* WHAT THE TASK ASKS
If a line in the listing below has the string "continuous", copy it out.
☆ ☆ ☆
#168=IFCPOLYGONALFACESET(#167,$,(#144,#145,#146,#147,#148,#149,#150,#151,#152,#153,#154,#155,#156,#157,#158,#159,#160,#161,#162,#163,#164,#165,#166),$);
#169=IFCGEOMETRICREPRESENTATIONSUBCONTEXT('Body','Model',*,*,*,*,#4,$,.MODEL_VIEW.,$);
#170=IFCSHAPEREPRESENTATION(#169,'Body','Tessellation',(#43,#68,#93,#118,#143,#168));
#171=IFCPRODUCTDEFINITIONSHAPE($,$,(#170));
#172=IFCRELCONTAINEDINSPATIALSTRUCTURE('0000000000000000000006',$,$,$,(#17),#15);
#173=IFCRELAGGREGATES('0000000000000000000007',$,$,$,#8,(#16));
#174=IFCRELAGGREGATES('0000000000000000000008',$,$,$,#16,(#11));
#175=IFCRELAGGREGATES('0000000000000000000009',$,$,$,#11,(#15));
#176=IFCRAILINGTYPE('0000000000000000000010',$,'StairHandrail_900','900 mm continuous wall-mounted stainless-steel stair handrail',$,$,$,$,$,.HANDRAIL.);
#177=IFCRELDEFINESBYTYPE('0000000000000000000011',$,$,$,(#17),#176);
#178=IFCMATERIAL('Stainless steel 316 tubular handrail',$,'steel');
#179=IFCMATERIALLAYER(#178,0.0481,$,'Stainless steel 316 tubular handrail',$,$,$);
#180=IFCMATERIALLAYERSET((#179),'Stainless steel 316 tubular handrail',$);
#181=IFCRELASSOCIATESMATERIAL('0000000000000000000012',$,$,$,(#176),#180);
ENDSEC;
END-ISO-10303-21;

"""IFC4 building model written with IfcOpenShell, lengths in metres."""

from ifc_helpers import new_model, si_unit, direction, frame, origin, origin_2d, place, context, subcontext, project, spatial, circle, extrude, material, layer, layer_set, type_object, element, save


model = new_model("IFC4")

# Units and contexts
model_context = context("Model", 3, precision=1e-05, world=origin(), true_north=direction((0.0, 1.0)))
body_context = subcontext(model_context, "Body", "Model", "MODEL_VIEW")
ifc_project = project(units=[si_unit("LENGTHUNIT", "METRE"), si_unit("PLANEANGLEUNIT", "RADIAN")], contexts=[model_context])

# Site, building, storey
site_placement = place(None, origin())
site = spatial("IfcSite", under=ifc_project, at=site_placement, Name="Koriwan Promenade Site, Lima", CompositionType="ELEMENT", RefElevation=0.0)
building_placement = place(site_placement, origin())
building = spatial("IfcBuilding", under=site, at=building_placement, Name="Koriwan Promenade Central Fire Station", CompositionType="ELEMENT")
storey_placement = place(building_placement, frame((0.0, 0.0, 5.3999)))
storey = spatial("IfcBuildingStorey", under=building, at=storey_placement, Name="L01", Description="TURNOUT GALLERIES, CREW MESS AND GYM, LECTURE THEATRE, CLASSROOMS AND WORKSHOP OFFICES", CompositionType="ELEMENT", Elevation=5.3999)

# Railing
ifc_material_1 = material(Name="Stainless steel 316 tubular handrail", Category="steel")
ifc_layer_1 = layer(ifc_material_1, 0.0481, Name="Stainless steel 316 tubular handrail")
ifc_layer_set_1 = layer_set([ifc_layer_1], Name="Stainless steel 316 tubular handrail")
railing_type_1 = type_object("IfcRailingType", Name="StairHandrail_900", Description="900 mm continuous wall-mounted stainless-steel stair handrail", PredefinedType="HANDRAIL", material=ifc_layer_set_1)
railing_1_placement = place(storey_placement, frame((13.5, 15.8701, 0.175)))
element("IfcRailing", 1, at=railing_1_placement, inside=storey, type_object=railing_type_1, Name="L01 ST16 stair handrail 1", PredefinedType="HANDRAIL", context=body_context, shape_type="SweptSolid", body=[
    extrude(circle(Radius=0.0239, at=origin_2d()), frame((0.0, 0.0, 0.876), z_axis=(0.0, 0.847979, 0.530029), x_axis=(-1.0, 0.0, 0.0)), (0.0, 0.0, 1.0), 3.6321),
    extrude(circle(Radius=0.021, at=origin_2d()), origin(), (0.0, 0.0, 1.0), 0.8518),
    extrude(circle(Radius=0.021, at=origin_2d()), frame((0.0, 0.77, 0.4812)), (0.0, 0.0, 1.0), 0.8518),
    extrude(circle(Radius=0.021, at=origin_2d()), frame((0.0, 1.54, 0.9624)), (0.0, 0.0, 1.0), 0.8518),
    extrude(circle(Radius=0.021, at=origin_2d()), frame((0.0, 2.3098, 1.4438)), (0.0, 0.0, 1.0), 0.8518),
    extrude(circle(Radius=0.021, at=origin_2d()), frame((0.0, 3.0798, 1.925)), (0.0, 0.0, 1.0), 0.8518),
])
☆ ☆ ☆
* TASK RESULT
#176=IFCRAILINGTYPE('0000000000000000000010',$,'StairHandrail_900','900 mm continuous wall-mounted stainless-steel stair handrail',$,$,$,$,$,.HANDRAIL.);
railing_type_1 = type_object("IfcRailingType", Name="StairHandrail_900", Description="900 mm continuous wall-mounted stainless-steel stair handrail", PredefinedType="HANDRAIL", material=ifc_layer_set_1)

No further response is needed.